* **Problem to work on**:
Please report every line of the listing below that has the word "Glass" in it.

════════════════════

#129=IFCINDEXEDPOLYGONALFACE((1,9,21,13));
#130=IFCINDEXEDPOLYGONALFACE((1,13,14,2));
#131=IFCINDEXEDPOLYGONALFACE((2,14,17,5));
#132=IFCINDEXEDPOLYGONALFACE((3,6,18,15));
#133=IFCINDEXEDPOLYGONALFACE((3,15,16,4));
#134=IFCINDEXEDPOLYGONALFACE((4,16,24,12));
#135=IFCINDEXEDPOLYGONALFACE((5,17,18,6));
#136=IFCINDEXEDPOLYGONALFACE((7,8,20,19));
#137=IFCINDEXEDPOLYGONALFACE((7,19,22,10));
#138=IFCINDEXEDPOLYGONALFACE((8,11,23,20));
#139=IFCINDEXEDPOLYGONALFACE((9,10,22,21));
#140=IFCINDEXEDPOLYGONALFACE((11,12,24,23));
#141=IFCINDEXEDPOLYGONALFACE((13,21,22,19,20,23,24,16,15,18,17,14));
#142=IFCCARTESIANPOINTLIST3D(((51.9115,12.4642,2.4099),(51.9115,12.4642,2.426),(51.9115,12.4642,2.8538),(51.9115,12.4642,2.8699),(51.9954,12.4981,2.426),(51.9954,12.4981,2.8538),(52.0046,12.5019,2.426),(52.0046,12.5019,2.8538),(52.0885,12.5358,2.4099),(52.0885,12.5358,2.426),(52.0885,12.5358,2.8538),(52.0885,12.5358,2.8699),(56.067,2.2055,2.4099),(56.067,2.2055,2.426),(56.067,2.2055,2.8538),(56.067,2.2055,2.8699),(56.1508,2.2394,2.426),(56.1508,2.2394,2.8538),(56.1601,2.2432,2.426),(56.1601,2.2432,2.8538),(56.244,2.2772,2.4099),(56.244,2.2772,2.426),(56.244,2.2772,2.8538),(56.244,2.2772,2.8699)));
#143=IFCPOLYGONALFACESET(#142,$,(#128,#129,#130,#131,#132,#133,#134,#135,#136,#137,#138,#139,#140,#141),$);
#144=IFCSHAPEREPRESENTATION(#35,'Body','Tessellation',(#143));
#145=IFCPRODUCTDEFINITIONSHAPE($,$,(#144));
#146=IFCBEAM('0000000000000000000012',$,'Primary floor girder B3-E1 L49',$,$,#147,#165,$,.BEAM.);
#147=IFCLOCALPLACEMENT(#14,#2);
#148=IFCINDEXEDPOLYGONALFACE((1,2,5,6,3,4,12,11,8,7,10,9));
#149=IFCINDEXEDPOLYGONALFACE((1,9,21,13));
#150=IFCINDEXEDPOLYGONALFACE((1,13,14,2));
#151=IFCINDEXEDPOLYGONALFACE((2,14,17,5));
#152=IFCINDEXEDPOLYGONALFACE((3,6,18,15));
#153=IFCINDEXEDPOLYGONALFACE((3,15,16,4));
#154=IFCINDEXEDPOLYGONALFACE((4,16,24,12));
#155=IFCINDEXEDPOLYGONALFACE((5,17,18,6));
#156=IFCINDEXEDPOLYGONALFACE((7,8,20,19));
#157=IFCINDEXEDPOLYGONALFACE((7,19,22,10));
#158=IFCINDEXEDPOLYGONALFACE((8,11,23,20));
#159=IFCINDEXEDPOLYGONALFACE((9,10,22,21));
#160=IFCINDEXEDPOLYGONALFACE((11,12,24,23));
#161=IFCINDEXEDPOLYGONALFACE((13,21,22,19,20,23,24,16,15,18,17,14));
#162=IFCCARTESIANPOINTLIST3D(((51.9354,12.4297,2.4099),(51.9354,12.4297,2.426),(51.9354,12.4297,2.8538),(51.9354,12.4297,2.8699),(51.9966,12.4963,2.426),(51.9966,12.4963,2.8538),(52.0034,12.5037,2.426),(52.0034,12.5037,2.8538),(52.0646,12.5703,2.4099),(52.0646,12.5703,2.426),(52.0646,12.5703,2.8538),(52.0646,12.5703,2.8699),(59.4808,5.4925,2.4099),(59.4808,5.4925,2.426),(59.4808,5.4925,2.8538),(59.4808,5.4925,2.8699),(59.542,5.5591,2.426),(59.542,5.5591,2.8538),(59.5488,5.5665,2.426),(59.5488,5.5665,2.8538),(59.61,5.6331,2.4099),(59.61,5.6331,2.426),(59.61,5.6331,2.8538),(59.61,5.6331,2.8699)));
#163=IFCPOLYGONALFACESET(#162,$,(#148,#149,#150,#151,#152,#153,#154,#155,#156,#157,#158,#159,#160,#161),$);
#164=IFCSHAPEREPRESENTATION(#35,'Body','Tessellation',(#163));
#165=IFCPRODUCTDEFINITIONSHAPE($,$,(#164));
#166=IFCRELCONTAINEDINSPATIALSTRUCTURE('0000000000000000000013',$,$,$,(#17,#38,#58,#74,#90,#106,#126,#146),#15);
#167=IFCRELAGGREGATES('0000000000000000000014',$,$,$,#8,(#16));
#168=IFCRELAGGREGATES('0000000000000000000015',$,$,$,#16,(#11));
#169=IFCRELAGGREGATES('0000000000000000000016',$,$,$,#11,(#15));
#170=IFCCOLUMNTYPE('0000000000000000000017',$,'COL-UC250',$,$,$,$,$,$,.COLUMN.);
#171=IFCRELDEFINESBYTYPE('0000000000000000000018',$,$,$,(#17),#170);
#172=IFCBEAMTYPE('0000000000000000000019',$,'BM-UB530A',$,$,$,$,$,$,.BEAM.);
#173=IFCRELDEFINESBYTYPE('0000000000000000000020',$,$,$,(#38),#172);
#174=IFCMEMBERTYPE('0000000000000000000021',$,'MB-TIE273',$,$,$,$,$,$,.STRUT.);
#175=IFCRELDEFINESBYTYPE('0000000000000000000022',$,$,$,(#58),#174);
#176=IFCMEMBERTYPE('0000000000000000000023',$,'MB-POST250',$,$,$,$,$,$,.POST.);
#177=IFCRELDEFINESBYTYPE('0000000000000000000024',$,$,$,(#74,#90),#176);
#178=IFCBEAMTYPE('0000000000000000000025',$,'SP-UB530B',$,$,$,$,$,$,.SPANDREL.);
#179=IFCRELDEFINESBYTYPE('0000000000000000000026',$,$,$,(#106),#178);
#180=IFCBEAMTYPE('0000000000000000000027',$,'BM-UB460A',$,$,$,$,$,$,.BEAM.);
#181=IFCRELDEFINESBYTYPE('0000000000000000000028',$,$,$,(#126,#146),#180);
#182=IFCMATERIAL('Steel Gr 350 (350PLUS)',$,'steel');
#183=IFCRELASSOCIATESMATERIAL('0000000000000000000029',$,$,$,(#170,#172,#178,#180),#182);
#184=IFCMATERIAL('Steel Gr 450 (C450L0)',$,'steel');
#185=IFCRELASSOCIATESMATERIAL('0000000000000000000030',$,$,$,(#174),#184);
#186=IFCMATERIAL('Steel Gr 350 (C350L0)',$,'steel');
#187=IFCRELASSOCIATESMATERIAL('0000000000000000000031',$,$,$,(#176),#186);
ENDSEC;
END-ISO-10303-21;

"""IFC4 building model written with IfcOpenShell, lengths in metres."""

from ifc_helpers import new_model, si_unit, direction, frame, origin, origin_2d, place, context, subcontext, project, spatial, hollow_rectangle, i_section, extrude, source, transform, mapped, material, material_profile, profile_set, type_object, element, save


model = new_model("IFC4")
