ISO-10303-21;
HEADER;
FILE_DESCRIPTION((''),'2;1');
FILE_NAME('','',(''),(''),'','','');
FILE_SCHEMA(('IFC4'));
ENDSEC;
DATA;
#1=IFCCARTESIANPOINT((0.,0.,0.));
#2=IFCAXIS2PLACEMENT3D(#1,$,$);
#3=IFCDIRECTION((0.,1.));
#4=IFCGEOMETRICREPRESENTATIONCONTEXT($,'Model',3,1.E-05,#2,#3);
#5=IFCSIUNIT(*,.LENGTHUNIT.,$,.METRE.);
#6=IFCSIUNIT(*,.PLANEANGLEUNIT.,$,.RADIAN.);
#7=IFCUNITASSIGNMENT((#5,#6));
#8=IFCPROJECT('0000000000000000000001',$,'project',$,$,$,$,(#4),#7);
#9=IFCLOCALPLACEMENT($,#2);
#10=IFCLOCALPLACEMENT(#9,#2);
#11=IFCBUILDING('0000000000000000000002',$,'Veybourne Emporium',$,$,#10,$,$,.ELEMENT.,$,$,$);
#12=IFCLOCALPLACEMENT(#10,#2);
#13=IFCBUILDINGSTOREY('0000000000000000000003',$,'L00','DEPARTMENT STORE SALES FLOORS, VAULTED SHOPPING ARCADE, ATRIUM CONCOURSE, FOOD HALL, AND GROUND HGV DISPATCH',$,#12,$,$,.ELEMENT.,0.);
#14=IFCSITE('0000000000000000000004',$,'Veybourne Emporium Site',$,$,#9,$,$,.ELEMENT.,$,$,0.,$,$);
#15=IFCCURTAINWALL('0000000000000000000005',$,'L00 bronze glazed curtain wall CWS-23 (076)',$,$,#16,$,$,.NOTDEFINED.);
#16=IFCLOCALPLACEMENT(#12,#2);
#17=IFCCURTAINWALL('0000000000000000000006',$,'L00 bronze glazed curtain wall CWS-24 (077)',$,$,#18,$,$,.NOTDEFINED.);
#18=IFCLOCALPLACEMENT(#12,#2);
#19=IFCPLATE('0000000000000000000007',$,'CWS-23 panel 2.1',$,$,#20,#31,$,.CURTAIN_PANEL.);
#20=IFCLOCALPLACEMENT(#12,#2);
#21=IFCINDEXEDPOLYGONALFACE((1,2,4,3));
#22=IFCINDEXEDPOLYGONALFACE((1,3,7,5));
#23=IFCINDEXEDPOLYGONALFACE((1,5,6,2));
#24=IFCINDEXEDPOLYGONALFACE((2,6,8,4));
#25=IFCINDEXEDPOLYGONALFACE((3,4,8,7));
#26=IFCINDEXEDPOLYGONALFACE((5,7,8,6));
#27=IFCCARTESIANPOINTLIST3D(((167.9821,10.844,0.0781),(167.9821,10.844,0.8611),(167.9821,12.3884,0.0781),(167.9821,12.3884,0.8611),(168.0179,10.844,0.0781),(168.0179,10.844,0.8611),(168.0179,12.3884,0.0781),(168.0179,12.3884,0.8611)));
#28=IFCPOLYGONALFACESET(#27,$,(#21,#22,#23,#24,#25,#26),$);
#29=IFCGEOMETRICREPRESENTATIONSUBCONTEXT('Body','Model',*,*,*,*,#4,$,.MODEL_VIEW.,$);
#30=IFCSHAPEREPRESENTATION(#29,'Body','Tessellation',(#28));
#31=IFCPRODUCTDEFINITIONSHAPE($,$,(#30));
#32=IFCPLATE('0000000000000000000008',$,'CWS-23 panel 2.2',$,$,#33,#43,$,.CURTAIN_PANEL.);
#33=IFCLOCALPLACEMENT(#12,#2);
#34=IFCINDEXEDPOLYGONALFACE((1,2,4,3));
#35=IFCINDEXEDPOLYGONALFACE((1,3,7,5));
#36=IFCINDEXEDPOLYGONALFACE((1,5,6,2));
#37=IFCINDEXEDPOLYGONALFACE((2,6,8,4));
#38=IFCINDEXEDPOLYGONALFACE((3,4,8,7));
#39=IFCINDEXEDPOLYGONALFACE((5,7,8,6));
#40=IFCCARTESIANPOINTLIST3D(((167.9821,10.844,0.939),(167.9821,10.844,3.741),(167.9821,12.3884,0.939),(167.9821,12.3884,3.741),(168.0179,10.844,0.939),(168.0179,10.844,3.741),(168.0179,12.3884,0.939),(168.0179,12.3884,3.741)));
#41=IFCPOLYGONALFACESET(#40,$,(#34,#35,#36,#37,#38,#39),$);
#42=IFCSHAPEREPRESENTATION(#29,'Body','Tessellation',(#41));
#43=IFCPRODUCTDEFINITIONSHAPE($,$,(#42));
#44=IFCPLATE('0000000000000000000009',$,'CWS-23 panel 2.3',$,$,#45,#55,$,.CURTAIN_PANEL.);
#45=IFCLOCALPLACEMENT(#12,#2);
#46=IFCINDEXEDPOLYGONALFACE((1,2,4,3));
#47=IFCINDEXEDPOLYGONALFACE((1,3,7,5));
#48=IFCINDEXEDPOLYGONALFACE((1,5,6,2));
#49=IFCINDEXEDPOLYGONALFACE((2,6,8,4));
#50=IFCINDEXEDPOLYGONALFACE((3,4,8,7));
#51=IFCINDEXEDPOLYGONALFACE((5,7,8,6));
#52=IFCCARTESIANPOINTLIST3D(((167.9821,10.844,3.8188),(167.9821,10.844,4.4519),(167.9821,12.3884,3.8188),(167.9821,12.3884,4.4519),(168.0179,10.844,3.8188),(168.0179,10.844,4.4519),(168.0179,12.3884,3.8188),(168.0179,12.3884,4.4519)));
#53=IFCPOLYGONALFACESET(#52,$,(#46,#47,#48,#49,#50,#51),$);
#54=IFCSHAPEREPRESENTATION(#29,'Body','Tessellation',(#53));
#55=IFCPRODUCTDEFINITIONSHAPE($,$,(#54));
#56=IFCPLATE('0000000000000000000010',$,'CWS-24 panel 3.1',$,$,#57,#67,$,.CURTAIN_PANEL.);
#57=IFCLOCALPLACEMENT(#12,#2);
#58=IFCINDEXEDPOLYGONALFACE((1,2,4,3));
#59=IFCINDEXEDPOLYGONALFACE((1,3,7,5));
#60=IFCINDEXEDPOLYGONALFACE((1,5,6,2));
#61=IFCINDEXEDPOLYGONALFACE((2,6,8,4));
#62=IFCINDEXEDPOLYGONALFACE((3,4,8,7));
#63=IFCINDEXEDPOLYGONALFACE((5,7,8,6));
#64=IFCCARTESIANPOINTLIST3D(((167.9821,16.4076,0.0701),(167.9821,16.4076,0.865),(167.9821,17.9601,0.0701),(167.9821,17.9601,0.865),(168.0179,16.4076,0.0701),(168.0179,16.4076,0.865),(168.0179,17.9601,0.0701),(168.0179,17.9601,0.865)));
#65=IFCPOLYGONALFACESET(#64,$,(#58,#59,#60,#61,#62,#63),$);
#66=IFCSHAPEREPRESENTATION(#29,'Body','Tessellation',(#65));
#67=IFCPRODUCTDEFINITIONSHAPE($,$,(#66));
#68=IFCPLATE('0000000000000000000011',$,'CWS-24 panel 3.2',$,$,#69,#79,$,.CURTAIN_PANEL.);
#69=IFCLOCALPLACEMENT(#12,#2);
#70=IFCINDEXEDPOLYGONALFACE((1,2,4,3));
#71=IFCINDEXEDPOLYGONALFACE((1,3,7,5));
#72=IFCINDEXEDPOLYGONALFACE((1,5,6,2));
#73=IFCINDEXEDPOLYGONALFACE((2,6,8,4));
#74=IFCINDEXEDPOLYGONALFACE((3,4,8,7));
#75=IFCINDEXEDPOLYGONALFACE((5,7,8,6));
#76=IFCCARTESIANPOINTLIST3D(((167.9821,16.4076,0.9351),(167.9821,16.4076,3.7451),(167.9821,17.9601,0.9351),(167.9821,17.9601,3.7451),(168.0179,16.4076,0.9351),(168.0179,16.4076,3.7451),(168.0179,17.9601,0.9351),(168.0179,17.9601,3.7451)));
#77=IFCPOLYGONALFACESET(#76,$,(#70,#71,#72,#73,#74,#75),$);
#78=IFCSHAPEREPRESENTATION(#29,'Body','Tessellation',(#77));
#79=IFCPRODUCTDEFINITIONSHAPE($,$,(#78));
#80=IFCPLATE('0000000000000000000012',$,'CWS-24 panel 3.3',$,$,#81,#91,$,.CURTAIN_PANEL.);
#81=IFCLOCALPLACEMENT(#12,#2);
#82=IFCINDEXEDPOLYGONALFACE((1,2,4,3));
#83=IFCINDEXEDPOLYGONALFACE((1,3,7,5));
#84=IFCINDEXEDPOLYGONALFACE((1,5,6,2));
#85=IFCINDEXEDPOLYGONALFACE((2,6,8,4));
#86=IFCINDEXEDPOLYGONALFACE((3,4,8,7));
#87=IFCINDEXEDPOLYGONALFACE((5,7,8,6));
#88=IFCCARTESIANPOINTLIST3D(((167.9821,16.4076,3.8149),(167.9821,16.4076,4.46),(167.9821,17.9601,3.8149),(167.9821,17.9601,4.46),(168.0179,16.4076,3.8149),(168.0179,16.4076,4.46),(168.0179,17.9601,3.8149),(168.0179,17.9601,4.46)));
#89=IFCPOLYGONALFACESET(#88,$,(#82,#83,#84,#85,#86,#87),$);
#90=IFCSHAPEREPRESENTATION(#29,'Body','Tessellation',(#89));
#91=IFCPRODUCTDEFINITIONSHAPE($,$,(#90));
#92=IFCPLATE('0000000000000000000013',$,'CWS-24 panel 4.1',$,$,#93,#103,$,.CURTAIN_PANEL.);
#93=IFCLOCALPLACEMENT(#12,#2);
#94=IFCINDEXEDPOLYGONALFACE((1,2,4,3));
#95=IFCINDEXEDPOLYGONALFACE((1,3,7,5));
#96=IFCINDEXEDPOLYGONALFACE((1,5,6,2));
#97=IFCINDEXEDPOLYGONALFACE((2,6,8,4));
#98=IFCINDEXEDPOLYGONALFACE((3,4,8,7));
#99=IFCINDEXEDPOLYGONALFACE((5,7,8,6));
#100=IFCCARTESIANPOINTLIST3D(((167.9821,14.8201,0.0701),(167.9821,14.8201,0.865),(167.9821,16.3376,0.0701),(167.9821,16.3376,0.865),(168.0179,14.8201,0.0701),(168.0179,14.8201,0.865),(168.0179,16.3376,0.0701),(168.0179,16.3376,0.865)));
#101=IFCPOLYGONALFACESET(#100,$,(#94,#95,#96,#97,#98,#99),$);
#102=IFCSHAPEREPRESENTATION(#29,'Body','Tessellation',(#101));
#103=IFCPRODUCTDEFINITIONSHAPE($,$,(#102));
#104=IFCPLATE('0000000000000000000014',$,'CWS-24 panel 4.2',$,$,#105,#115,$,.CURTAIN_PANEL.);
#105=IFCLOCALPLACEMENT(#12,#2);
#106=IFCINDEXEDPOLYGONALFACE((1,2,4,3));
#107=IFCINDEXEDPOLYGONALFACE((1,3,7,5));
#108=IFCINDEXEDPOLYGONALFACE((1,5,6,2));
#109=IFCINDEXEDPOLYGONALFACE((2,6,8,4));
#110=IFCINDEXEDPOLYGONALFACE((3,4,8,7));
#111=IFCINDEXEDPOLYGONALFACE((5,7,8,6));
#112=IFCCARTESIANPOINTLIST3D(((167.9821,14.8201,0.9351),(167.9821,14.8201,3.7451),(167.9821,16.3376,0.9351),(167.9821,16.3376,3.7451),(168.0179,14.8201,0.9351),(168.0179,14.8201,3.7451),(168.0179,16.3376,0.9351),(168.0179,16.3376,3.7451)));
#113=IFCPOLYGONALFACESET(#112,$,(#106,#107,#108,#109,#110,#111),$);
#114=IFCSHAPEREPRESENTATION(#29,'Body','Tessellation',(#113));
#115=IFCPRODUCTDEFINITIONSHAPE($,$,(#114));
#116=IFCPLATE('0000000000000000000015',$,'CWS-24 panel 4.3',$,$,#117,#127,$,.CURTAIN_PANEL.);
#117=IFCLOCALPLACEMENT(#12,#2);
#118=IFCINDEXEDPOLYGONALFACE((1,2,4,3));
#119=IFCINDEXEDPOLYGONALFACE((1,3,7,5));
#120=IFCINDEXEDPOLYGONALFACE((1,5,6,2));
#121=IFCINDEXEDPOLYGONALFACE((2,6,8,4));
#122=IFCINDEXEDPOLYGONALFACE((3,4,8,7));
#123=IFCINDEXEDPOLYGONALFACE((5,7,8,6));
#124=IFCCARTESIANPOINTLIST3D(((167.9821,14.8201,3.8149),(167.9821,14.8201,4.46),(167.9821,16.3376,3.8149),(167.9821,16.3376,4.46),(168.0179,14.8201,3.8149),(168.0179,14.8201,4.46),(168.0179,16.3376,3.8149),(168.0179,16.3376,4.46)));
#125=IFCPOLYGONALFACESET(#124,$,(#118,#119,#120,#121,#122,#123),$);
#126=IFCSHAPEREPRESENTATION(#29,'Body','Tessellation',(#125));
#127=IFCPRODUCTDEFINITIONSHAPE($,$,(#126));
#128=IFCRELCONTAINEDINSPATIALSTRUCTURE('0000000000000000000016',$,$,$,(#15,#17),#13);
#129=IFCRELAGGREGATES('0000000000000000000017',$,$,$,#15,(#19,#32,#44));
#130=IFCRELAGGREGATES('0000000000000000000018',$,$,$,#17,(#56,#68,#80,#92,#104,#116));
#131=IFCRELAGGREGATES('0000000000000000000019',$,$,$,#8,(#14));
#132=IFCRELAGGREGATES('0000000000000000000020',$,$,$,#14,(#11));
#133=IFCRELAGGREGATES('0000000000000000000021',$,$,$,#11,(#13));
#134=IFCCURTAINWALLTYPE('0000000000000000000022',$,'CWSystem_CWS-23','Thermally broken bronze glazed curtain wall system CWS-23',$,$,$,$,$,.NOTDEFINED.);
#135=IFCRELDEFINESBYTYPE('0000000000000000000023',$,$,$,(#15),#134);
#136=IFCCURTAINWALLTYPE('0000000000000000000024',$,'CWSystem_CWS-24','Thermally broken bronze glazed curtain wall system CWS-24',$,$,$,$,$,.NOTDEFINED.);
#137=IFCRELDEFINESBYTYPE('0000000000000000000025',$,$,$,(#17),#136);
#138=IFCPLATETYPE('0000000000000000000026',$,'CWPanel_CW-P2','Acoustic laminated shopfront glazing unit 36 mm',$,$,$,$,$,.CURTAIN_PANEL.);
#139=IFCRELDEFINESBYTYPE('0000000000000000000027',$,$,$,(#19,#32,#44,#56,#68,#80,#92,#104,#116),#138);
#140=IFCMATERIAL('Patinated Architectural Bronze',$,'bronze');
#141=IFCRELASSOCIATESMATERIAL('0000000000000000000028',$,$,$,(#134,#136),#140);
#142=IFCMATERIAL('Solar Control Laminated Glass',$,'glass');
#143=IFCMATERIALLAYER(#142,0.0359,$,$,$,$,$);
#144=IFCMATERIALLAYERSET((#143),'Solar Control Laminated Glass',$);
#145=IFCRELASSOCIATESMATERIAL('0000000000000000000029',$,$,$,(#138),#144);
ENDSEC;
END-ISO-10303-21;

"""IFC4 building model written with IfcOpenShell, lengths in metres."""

from ifc_helpers import new_model, si_unit, direction, frame, origin, origin_2d, place, context, subcontext, project, spatial, rectangle, extrude, material, layer, layer_set, type_object, element, aggregate, save


model = new_model("IFC4")

# Units and contexts
model_context = context("Model", 3, precision=1e-05, world=origin(), true_north=direction((0.0, 1.0)))
body_context = subcontext(model_context, "Body", "Model", "MODEL_VIEW")
ifc_project = project(units=[si_unit("LENGTHUNIT", "METRE"), si_unit("PLANEANGLEUNIT", "RADIAN")], contexts=[model_context])

# Site, building, storey
site_placement = place(None, origin())
site = spatial("IfcSite", under=ifc_project, at=site_placement, Name="Veybourne Emporium Site", CompositionType="ELEMENT", RefElevation=0.0)
building_placement = place(site_placement, origin())
building = spatial("IfcBuilding", under=site, at=building_placement, Name="Veybourne Emporium", CompositionType="ELEMENT")
storey_placement = place(building_placement, origin())
storey = spatial("IfcBuildingStorey", under=building, at=storey_placement, Name="L00", Description="DEPARTMENT STORE SALES FLOORS, VAULTED SHOPPING ARCADE, ATRIUM CONCOURSE, FOOD HALL, AND GROUND HGV DISPATCH", CompositionType="ELEMENT", Elevation=0.0)

# Curtain walls
ifc_material_1 = material(Name="Patinated Architectural Bronze", Category="bronze")
curtain_wall_type_1 = type_object("IfcCurtainWallType", Name="CWSystem_CWS-23", Description="Thermally broken bronze glazed curtain wall system CWS-23", PredefinedType="NOTDEFINED", material=ifc_material_1)
curtain_wall_1_placement = place(storey_placement, origin())
curtain_wall_1 = element("IfcCurtainWall", 1, at=curtain_wall_1_placement, inside=storey, type_object=curtain_wall_type_1, Name="L00 bronze glazed curtain wall CWS-23 (076)", PredefinedType="NOTDEFINED")
curtain_wall_type_2 = type_object("IfcCurtainWallType", Name="CWSystem_CWS-24", Description="Thermally broken bronze glazed curtain wall system CWS-24", PredefinedType="NOTDEFINED", material=ifc_material_1)
curtain_wall_2_placement = place(storey_placement, origin())
curtain_wall_2 = element("IfcCurtainWall", 2, at=curtain_wall_2_placement, inside=storey, type_object=curtain_wall_type_2, Name="L00 bronze glazed curtain wall CWS-24 (077)", PredefinedType="NOTDEFINED")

════════════════════

* **Written response**:
#142=IFCMATERIAL('Solar Control Laminated Glass',$,'glass');
#144=IFCMATERIALLAYERSET((#143),'Solar Control Laminated Glass',$);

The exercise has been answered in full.